■ **Directions for this task**
Return exactly the span of lines in the following data that opens with the line containing "#118=IFCINDEXEDPOLYGONALFACE((4,68,72,8));" and closes with the line containing "#130=IFCINDEXEDPOLYGONALFACE((29,33,35,31));". Include nothing else.

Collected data
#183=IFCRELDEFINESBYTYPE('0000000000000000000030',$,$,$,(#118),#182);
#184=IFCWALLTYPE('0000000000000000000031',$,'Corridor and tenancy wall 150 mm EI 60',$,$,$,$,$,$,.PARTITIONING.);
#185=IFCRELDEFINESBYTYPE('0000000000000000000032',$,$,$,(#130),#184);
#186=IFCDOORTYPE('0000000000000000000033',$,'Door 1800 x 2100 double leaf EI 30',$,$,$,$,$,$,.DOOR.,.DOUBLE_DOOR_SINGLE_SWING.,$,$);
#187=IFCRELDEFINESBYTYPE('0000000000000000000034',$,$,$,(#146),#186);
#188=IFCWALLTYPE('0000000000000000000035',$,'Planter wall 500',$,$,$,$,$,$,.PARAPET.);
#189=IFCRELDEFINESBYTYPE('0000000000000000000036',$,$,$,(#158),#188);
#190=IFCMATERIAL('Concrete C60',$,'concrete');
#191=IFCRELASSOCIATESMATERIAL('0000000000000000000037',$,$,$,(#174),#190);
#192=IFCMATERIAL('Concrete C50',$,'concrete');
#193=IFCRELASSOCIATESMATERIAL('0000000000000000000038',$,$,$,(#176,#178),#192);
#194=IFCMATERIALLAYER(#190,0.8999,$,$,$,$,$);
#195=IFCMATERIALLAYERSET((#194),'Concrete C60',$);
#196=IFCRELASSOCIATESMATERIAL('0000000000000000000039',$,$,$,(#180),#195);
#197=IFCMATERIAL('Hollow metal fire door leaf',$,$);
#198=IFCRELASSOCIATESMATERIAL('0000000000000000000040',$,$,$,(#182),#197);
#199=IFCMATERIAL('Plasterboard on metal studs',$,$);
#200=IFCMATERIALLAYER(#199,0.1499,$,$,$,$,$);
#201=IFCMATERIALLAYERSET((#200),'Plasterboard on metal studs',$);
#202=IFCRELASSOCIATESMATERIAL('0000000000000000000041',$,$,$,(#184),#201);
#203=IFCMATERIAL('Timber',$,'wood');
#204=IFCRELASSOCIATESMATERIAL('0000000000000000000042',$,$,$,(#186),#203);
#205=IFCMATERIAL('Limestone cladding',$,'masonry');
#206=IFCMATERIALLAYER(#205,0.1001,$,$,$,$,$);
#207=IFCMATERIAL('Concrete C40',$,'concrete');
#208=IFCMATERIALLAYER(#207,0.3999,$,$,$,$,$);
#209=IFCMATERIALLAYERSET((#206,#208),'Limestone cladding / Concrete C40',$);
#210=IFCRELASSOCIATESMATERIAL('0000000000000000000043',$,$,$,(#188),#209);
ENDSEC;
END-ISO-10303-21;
--
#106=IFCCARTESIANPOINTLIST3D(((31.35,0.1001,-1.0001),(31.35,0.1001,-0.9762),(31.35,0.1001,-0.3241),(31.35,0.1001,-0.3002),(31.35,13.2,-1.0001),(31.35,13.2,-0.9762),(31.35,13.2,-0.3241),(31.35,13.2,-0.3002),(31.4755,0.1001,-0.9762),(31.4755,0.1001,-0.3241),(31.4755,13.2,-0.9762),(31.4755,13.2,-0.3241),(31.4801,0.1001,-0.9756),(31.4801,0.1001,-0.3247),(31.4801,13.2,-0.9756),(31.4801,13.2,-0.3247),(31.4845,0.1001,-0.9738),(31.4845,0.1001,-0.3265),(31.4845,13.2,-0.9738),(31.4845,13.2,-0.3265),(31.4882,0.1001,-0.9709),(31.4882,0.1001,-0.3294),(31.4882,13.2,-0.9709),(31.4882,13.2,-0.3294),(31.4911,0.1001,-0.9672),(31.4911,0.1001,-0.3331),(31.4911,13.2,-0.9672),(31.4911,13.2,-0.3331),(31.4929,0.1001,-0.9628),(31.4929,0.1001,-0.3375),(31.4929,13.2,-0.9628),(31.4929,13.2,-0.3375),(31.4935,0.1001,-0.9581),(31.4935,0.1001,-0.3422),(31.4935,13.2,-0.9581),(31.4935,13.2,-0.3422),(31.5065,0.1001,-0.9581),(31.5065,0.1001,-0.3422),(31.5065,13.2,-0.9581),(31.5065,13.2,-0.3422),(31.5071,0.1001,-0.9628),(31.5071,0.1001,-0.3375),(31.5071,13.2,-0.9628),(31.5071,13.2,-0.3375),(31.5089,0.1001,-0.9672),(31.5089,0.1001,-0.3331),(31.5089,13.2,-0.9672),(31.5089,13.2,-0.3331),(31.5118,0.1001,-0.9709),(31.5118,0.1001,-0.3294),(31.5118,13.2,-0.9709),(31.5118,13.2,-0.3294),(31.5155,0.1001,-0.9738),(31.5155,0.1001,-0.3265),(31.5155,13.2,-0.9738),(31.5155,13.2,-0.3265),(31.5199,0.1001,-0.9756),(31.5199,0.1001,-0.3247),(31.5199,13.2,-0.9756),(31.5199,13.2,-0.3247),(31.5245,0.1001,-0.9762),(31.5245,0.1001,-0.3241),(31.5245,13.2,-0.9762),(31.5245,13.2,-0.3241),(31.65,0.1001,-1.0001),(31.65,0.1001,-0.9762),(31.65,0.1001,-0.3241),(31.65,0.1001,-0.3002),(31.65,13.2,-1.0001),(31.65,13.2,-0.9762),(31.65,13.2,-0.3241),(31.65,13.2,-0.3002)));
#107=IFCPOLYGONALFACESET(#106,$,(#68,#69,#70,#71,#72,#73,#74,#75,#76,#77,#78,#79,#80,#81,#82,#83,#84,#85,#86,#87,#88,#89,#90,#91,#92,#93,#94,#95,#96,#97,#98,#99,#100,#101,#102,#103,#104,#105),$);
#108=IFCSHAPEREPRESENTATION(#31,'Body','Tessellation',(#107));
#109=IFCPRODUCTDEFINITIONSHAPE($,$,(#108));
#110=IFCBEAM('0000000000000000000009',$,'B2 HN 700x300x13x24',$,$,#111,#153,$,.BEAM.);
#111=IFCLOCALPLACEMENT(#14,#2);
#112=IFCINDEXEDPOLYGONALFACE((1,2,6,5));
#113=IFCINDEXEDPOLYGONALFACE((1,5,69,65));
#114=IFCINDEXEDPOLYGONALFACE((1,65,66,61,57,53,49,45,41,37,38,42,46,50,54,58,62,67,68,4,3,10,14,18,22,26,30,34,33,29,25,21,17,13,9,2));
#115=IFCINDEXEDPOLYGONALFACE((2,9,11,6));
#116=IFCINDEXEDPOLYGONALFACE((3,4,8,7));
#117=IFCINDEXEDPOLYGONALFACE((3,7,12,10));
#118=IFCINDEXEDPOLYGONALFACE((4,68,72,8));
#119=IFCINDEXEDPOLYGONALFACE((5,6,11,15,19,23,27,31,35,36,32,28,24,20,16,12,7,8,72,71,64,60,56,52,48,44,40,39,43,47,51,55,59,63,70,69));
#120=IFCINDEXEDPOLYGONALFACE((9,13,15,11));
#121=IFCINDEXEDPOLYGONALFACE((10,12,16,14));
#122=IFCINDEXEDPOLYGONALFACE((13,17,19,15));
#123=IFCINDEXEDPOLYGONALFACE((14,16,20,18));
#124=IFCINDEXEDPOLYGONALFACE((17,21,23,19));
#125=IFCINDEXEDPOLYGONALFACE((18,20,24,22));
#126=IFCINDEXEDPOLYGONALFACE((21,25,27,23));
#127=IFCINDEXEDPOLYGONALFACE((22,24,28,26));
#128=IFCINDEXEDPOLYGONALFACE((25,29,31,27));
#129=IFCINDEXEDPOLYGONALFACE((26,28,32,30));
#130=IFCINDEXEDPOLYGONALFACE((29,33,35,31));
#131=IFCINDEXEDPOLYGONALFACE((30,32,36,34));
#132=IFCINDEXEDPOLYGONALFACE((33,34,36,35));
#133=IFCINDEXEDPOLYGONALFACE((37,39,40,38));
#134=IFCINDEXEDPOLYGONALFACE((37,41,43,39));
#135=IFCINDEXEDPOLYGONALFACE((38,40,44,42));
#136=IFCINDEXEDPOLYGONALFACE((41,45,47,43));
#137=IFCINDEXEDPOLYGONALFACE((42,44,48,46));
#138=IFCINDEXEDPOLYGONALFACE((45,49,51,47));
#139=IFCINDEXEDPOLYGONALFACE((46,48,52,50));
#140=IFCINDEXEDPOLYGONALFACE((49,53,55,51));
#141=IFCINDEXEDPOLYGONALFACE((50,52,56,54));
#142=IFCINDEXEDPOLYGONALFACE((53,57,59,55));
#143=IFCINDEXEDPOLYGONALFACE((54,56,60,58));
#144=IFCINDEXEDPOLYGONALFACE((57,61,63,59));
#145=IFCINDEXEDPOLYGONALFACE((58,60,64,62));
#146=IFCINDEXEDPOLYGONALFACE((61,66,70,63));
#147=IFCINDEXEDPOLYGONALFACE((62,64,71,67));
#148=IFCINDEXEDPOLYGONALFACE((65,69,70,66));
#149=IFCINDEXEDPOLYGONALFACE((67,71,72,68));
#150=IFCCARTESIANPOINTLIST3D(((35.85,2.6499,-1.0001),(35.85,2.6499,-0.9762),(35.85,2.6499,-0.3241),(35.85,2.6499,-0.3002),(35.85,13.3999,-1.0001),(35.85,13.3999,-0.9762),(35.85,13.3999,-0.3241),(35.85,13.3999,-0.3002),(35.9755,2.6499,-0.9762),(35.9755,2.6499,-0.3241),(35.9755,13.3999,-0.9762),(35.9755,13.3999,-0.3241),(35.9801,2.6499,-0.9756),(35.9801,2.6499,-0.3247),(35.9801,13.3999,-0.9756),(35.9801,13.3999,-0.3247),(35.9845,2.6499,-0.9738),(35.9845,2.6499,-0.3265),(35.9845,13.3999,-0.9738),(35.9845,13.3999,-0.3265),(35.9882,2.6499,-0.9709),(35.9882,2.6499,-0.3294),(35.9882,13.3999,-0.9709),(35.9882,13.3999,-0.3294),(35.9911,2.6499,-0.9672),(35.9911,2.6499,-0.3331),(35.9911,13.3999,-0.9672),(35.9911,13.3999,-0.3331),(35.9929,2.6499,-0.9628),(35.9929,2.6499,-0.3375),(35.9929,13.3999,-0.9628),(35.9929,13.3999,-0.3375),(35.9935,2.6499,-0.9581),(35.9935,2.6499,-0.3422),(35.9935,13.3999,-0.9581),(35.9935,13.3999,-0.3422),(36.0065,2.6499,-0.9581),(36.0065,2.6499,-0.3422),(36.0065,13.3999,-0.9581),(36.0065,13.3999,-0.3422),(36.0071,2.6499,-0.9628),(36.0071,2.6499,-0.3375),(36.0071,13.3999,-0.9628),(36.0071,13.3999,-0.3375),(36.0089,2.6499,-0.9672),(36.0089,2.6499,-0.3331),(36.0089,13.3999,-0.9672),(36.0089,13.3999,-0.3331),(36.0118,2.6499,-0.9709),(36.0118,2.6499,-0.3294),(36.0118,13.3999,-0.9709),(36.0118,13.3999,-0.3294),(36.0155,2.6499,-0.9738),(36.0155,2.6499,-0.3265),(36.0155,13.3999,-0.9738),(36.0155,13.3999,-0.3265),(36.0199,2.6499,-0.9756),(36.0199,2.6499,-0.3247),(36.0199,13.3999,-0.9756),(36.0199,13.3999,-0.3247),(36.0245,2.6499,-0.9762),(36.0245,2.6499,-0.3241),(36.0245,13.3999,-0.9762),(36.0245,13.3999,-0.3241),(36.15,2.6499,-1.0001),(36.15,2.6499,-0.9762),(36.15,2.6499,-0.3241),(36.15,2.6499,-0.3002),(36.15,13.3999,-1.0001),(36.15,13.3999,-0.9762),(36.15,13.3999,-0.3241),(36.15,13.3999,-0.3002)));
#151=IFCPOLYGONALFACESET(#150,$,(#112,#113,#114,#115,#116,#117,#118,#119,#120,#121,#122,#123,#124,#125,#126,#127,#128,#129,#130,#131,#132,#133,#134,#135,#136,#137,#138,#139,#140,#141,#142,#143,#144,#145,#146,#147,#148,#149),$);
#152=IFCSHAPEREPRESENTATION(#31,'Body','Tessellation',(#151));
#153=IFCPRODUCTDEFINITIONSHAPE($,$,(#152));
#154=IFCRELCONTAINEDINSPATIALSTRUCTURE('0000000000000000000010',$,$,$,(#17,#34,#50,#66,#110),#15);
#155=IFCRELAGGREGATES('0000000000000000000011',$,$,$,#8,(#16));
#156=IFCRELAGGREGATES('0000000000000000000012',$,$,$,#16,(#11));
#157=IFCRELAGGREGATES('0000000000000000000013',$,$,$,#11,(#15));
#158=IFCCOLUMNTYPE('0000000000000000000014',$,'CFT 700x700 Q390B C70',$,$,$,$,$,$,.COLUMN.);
--
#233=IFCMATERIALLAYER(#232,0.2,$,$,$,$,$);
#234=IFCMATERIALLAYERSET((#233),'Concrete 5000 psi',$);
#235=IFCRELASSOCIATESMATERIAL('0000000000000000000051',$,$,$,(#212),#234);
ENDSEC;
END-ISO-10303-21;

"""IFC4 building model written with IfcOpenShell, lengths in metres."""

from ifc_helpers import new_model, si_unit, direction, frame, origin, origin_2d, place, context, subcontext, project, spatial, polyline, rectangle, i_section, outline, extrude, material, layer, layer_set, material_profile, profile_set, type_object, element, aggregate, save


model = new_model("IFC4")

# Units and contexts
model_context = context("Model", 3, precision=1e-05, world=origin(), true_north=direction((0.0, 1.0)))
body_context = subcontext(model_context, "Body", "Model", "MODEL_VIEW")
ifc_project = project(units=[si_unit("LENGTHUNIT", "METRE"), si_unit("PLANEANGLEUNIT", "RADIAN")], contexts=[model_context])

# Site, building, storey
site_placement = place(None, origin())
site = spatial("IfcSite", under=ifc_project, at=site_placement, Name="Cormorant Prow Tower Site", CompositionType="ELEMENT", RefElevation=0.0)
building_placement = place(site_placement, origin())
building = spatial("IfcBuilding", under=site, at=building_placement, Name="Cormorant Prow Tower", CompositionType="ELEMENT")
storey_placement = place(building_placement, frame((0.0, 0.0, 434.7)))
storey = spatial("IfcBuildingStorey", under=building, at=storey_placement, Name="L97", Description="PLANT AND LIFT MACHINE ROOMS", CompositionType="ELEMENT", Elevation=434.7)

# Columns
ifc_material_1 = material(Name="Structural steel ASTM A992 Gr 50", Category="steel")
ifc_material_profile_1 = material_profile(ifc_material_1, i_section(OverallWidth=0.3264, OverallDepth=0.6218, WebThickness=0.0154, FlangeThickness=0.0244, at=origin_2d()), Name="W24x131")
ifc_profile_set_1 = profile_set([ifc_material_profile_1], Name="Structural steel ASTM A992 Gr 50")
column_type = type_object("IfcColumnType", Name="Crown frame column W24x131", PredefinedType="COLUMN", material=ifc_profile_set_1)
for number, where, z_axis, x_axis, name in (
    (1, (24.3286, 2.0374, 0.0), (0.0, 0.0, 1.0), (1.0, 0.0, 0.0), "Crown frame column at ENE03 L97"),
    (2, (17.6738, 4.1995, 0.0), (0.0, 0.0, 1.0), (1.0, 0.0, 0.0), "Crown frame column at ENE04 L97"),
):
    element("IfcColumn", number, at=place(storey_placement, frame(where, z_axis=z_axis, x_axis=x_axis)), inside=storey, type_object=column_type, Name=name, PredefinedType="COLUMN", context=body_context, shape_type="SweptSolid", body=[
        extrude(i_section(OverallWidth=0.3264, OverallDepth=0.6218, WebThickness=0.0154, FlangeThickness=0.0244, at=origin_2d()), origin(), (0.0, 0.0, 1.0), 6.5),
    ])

■ **Expected output**
#118=IFCINDEXEDPOLYGONALFACE((4,68,72,8));
#119=IFCINDEXEDPOLYGONALFACE((5,6,11,15,19,23,27,31,35,36,32,28,24,20,16,12,7,8,72,71,64,60,56,52,48,44,40,39,43,47,51,55,59,63,70,69));
#120=IFCINDEXEDPOLYGONALFACE((9,13,15,11));
#121=IFCINDEXEDPOLYGONALFACE((10,12,16,14));
#122=IFCINDEXEDPOLYGONALFACE((13,17,19,15));
#123=IFCINDEXEDPOLYGONALFACE((14,16,20,18));
#124=IFCINDEXEDPOLYGONALFACE((17,21,23,19));
#125=IFCINDEXEDPOLYGONALFACE((18,20,24,22));
#126=IFCINDEXEDPOLYGONALFACE((21,25,27,23));
#127=IFCINDEXEDPOLYGONALFACE((22,24,28,26));
#128=IFCINDEXEDPOLYGONALFACE((25,29,31,27));
#129=IFCINDEXEDPOLYGONALFACE((26,28,32,30));
#130=IFCINDEXEDPOLYGONALFACE((29,33,35,31));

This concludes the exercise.